YOUR TASK: Your task is to copy each line of the records that includes the string "IFCPRODUCTDEFINITIONSHAPE".

DATA FOR THE TASK:
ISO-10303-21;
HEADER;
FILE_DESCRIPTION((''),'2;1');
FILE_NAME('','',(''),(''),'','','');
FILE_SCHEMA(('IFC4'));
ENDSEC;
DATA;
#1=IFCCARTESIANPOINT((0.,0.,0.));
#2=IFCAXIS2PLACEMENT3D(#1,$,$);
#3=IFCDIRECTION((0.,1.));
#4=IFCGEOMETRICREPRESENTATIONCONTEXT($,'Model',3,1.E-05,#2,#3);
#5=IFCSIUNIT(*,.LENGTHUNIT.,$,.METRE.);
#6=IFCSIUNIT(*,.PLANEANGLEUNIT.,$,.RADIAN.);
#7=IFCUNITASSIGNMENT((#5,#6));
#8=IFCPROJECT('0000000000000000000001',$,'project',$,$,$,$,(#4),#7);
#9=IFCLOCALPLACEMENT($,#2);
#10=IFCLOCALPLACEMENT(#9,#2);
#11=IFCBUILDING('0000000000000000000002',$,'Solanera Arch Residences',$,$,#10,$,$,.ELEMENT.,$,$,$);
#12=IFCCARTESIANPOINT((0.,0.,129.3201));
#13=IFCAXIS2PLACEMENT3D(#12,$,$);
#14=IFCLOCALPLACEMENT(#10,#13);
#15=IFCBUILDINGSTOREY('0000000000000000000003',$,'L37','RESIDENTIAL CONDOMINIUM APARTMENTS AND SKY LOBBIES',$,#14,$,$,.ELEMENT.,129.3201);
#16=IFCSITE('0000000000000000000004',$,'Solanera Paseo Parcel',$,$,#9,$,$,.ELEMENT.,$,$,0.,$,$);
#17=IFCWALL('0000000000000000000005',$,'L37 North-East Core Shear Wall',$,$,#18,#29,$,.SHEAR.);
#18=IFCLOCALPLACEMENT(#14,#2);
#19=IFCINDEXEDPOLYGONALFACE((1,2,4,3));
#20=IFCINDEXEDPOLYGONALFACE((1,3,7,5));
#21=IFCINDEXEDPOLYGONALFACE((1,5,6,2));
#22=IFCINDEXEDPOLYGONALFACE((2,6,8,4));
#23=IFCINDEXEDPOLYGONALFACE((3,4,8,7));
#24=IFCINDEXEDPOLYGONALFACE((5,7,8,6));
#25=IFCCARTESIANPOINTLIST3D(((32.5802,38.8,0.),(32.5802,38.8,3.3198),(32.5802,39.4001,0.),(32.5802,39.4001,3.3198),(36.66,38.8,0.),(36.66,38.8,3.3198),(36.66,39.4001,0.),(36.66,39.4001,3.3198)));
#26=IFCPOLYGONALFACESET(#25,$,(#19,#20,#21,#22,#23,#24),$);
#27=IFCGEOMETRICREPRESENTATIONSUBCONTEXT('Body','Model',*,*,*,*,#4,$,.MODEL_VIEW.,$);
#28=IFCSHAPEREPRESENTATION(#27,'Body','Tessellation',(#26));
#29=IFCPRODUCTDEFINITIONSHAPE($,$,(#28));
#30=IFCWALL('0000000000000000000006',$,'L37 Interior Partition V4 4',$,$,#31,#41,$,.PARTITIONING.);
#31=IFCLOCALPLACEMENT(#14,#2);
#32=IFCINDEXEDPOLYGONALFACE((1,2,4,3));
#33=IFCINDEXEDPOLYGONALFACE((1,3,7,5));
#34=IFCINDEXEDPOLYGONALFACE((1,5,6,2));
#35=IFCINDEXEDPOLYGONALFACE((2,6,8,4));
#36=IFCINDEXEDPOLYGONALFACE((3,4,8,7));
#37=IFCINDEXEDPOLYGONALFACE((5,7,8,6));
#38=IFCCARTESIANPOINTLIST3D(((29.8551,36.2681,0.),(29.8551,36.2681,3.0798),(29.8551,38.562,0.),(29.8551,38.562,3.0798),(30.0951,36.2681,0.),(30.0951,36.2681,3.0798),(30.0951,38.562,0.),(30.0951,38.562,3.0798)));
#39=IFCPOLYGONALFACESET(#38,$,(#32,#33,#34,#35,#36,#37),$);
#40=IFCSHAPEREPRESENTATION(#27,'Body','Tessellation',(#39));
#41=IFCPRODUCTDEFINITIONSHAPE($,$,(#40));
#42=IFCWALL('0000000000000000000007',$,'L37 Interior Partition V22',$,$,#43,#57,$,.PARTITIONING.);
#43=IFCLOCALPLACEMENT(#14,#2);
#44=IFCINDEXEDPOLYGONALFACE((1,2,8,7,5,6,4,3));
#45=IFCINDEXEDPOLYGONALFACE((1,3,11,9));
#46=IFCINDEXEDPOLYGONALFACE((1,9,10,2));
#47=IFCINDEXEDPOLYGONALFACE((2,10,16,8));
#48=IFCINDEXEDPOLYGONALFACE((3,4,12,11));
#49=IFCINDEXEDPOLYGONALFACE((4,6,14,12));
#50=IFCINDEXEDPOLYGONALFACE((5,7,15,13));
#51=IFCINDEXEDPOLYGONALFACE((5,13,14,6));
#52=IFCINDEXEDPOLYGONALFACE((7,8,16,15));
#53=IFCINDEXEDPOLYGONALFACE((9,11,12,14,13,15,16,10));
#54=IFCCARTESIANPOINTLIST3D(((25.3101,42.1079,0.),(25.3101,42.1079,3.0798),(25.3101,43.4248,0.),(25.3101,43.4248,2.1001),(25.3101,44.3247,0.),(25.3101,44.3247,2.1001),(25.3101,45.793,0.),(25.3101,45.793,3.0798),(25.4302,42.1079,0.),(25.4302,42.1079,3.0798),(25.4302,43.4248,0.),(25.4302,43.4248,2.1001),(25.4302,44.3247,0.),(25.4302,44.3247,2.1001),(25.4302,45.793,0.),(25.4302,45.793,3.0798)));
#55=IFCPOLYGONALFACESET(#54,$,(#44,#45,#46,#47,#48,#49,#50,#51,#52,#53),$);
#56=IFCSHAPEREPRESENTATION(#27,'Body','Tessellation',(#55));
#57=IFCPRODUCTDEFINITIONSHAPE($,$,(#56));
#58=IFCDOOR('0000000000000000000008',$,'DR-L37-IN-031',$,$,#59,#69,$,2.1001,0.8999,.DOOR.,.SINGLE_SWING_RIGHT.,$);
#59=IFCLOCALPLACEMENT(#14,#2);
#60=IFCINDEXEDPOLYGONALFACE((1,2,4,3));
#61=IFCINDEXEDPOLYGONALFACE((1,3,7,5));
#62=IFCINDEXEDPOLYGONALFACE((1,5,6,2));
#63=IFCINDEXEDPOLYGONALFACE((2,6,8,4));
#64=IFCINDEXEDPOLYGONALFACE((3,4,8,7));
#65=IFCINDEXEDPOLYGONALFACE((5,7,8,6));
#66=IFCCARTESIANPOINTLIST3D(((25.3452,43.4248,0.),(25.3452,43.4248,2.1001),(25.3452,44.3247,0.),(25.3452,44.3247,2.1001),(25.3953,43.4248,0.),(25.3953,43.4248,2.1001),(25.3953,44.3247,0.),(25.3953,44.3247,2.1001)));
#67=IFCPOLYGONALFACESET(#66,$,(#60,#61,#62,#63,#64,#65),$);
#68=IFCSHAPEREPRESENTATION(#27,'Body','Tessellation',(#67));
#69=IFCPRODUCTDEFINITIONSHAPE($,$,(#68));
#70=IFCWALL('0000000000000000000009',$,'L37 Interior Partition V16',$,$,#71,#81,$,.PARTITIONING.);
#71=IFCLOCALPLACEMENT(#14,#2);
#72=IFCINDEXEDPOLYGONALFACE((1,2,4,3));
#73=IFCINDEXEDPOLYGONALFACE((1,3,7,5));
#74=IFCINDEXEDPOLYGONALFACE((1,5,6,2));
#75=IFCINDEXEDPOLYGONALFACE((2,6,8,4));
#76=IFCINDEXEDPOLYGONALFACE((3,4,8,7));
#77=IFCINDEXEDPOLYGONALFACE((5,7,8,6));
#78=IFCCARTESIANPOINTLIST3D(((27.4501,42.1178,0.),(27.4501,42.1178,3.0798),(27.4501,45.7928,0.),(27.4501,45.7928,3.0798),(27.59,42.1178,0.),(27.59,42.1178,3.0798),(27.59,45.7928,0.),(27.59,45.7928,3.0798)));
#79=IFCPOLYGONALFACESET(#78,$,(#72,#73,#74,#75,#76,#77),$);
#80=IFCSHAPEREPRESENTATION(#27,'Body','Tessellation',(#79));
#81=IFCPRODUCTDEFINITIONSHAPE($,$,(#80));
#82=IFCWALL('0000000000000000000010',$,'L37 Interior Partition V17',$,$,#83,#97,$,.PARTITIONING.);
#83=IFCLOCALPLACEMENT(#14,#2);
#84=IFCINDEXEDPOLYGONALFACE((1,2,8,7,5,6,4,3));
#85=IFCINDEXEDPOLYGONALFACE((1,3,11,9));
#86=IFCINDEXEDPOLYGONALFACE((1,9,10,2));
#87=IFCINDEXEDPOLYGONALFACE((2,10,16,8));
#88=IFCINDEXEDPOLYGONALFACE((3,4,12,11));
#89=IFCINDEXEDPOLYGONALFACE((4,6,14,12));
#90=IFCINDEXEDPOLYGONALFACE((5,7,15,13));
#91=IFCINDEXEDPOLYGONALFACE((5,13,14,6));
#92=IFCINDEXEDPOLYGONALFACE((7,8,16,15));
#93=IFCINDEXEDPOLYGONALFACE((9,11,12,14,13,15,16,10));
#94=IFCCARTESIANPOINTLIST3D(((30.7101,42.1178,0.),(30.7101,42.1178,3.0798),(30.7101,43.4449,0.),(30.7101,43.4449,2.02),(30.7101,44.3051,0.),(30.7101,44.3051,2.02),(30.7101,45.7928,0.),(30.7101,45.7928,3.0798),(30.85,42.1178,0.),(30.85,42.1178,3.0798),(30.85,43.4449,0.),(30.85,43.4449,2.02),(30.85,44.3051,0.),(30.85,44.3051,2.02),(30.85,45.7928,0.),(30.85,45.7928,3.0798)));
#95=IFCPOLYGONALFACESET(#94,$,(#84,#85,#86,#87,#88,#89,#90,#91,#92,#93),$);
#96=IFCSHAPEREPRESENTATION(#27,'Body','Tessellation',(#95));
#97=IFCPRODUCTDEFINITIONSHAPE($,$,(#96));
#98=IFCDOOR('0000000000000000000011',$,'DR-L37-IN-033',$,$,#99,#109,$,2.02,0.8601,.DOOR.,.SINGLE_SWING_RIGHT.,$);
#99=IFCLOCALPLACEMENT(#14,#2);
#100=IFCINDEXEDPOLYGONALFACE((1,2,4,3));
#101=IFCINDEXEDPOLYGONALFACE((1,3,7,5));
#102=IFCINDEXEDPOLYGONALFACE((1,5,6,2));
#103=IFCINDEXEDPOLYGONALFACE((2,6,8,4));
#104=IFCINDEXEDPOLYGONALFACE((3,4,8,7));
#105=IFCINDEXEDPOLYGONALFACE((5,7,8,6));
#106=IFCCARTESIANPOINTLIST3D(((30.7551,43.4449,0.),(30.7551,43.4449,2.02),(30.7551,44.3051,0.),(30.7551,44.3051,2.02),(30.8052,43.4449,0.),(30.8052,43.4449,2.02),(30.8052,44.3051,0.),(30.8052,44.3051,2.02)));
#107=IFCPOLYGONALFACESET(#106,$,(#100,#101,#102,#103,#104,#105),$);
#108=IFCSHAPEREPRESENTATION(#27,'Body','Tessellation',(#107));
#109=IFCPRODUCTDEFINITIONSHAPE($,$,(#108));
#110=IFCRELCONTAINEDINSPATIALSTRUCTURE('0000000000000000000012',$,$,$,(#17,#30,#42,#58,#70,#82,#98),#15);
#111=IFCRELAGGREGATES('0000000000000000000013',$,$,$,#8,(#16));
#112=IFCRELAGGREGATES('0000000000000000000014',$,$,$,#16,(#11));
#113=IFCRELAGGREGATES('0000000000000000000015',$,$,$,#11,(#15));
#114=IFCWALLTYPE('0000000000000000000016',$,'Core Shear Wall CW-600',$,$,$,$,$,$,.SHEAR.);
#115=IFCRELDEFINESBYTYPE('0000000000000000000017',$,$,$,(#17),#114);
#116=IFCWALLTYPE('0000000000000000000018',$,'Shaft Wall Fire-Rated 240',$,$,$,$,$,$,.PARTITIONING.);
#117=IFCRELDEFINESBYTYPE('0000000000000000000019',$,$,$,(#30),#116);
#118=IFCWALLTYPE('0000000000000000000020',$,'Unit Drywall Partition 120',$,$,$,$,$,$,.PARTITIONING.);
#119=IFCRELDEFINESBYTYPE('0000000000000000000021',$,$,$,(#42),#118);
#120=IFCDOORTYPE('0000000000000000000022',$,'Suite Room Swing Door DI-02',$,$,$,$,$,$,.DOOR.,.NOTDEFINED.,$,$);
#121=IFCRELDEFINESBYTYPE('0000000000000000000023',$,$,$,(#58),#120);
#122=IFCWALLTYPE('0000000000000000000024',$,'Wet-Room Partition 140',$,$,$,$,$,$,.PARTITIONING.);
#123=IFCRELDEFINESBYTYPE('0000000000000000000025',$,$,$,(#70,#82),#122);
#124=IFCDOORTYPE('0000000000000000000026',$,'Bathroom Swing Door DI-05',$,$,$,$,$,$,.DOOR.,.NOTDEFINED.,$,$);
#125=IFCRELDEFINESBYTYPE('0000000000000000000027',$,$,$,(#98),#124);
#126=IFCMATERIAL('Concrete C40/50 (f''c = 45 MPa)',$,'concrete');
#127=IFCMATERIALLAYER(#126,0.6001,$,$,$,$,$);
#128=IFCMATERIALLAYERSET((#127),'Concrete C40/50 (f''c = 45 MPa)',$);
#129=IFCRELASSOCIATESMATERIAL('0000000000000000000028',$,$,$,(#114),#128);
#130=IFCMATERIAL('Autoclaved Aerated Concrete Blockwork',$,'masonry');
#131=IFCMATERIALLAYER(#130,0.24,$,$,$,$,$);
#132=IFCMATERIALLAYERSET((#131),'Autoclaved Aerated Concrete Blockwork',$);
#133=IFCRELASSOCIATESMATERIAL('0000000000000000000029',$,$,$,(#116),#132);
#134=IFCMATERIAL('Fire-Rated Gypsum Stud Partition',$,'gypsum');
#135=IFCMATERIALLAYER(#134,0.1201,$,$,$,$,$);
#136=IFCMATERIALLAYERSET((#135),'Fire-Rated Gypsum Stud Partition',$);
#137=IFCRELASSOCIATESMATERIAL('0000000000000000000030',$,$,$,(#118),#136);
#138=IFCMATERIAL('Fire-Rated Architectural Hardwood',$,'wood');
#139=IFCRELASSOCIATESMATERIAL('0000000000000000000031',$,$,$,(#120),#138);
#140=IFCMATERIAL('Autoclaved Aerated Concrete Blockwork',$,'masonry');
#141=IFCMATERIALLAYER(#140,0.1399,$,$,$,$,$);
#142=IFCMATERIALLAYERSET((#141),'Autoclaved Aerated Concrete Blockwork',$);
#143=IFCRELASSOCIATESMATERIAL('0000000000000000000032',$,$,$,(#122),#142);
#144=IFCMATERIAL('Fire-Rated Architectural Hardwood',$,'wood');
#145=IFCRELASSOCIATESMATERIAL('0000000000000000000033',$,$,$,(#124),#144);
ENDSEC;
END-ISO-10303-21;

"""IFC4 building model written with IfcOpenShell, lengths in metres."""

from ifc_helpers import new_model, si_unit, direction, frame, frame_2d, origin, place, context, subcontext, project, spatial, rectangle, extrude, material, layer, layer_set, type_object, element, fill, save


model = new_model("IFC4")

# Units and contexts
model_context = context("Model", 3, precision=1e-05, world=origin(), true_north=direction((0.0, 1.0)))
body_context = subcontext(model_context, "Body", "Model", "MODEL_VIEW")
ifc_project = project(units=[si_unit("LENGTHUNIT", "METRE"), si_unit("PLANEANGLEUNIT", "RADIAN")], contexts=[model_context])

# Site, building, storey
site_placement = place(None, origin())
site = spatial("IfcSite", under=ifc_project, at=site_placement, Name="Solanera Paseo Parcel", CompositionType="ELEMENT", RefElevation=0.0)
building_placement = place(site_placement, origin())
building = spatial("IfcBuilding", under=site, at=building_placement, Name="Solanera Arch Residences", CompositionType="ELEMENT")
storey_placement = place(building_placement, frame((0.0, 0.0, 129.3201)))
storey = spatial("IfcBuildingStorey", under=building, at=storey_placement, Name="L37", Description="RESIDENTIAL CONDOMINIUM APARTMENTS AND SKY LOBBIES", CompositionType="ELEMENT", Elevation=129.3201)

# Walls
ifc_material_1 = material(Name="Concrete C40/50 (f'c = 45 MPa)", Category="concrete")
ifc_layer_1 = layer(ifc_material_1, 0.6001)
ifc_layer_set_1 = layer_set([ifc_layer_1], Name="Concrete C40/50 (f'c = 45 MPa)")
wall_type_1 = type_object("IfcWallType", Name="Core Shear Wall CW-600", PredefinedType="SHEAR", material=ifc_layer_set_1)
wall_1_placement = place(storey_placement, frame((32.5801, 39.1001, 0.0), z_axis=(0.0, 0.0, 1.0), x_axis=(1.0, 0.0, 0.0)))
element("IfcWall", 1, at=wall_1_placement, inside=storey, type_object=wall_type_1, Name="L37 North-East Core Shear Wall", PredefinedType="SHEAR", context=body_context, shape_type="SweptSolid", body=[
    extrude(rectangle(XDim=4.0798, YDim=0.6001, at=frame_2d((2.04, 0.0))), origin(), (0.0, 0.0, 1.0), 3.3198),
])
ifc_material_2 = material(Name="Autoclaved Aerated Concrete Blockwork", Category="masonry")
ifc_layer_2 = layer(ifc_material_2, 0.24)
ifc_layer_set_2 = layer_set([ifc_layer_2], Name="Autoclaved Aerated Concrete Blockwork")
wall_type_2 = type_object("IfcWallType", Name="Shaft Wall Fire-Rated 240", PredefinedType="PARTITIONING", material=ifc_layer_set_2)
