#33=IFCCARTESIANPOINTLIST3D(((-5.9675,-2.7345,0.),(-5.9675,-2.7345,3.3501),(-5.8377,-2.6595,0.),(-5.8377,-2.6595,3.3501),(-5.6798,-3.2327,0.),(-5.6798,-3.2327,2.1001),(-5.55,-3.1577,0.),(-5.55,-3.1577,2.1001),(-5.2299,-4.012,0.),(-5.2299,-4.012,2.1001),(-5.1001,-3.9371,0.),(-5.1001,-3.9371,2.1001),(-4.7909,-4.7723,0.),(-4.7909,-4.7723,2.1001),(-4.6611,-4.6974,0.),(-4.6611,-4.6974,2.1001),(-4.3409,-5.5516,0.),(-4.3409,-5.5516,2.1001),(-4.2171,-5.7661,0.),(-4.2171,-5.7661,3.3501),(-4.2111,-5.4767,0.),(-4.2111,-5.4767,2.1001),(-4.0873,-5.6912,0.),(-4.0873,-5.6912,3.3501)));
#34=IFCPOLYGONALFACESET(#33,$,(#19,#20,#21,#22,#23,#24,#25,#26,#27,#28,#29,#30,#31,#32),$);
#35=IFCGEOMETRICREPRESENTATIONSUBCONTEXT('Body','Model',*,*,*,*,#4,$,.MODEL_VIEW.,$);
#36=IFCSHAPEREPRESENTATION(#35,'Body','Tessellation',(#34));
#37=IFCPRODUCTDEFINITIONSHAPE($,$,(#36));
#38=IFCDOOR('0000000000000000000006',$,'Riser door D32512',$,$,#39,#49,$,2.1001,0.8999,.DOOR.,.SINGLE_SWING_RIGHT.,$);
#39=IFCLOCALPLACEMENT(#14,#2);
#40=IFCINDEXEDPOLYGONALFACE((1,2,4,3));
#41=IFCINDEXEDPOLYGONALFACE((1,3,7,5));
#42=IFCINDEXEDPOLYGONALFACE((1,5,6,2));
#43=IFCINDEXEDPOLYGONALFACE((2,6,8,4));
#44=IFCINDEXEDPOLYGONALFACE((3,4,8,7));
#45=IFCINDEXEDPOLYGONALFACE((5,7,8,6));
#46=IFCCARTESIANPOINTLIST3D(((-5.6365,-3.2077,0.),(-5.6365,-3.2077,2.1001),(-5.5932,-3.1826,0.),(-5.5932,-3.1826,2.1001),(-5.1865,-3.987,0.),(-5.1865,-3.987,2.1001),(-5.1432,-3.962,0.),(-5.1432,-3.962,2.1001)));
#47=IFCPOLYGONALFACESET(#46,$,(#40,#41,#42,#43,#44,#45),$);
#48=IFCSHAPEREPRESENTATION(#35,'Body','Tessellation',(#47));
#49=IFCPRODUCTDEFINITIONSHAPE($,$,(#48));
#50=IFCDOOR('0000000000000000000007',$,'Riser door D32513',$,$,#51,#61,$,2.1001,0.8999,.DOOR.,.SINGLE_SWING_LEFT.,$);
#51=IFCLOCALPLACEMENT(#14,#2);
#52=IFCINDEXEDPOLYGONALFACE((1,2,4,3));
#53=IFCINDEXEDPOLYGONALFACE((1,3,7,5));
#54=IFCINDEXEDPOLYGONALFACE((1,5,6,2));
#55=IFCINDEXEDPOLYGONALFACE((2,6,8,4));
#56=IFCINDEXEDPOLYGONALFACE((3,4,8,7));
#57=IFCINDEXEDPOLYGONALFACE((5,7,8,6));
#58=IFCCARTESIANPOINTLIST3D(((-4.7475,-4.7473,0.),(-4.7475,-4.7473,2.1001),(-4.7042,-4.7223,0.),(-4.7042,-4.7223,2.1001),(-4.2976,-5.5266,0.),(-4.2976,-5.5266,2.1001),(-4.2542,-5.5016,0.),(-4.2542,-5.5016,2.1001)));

EXERCISE OUTPUT:
#29=IFCPRODUCTDEFINITIONSHAPE($,$,(#28));
#41=IFCPRODUCTDEFINITIONSHAPE($,$,(#40));
#57=IFCPRODUCTDEFINITIONSHAPE($,$,(#56));
#69=IFCPRODUCTDEFINITIONSHAPE($,$,(#68));
#81=IFCPRODUCTDEFINITIONSHAPE($,$,(#80));
#97=IFCPRODUCTDEFINITIONSHAPE($,$,(#96));
#109=IFCPRODUCTDEFINITIONSHAPE($,$,(#108));
#37=IFCPRODUCTDEFINITIONSHAPE($,$,(#36));
#49=IFCPRODUCTDEFINITIONSHAPE($,$,(#48));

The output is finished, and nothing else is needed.